» **YOUR TASK**:
Below are some records; copy each line in them that contains "clay".

» **AVAILABLE RECORDS**:
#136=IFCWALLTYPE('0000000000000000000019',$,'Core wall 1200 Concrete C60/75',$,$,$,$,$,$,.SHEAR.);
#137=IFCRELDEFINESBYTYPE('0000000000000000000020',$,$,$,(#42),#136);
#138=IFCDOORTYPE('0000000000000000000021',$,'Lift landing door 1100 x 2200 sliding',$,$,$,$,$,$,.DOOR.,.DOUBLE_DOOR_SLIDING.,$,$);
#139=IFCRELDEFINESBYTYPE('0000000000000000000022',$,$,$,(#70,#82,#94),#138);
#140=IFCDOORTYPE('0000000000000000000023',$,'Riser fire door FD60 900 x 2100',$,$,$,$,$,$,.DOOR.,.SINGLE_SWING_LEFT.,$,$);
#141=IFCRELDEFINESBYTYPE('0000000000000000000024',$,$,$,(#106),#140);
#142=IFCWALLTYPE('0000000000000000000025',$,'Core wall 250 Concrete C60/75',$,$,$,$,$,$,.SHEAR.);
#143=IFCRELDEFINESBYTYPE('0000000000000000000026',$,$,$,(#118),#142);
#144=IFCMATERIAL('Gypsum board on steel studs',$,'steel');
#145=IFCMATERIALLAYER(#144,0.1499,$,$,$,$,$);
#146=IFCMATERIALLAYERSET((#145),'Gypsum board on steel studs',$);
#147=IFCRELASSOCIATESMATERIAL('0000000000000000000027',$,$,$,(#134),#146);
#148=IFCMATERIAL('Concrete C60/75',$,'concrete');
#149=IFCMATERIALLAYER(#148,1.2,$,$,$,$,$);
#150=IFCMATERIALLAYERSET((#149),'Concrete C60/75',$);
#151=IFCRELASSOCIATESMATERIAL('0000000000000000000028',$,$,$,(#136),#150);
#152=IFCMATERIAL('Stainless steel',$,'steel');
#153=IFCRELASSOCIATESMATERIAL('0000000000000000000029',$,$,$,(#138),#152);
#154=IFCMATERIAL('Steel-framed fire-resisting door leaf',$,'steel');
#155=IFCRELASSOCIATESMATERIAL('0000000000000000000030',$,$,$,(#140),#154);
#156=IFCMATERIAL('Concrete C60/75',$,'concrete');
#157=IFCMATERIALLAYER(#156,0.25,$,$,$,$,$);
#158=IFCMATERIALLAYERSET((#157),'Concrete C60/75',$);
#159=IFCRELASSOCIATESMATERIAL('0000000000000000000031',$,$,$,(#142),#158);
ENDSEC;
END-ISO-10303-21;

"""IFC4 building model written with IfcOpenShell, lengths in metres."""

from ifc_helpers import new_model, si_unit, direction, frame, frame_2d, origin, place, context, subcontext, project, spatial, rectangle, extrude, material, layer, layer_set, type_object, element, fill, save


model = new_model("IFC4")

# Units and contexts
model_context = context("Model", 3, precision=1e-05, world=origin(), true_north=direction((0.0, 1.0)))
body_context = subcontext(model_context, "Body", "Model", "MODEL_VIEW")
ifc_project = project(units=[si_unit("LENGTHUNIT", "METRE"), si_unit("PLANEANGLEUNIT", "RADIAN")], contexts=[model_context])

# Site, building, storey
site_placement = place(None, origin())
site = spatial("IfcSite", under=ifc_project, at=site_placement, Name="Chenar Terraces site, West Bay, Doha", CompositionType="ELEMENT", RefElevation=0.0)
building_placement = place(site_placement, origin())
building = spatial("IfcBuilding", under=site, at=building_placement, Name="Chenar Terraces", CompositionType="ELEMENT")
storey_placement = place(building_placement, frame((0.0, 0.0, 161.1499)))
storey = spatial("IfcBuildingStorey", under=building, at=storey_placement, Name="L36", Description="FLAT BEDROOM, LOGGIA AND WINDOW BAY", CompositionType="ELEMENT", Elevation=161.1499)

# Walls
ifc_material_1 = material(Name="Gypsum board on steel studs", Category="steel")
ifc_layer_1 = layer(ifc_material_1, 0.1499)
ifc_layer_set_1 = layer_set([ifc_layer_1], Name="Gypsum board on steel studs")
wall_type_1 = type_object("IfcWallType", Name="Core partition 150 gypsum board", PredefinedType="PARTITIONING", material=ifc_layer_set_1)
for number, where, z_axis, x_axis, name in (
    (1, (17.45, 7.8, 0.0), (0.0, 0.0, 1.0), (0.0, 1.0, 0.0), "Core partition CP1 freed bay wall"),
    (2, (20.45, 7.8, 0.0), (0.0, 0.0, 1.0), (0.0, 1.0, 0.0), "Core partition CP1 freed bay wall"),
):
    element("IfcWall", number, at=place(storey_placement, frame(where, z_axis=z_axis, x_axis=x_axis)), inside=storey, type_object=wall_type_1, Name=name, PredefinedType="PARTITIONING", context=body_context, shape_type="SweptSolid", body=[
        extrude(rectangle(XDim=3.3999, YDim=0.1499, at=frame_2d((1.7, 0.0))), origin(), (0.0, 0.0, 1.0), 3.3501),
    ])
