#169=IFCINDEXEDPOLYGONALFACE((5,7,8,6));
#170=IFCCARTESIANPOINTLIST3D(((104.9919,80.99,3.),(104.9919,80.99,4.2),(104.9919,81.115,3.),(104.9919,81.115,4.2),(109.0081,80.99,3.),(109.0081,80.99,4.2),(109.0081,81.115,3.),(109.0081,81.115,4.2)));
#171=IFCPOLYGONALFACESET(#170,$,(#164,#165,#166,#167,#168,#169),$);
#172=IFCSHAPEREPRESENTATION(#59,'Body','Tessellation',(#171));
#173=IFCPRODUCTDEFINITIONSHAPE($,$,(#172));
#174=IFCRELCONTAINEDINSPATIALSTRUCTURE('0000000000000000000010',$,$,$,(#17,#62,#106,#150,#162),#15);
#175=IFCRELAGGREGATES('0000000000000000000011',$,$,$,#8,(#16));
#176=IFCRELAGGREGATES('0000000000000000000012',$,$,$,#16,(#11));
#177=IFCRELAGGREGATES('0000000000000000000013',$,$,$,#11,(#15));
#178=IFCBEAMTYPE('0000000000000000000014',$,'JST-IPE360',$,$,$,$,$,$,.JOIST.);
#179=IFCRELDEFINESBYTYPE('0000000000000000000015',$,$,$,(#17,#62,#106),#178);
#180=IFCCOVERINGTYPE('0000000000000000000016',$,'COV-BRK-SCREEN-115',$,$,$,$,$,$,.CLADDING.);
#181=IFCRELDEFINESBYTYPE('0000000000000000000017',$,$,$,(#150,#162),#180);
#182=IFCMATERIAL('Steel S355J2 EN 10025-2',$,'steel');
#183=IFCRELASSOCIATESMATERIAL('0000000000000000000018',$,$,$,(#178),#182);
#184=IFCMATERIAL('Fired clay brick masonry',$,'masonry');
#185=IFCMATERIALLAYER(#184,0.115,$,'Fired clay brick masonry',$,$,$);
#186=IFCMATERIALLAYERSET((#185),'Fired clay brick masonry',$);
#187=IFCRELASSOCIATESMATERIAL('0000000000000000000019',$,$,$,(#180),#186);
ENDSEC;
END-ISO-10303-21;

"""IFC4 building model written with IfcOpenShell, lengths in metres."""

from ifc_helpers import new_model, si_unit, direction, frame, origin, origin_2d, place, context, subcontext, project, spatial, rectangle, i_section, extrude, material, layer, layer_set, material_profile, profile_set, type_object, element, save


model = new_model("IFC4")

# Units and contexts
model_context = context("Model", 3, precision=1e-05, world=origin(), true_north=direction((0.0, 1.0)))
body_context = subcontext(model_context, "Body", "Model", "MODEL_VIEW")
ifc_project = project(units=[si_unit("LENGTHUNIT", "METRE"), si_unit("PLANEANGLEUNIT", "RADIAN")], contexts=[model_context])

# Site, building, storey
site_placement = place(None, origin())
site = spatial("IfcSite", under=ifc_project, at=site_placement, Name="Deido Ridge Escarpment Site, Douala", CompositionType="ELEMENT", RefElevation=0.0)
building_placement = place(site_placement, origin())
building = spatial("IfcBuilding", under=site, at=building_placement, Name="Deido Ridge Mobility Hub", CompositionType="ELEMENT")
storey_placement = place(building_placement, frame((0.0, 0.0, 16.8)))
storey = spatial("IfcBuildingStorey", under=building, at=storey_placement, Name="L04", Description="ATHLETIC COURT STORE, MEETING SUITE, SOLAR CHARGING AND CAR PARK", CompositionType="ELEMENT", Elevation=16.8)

» **ANSWER BELOW**:
#184=IFCMATERIAL('Fired clay brick masonry',$,'masonry');
#185=IFCMATERIALLAYER(#184,0.115,$,'Fired clay brick masonry',$,$,$);
#186=IFCMATERIALLAYERSET((#185),'Fired clay brick masonry',$);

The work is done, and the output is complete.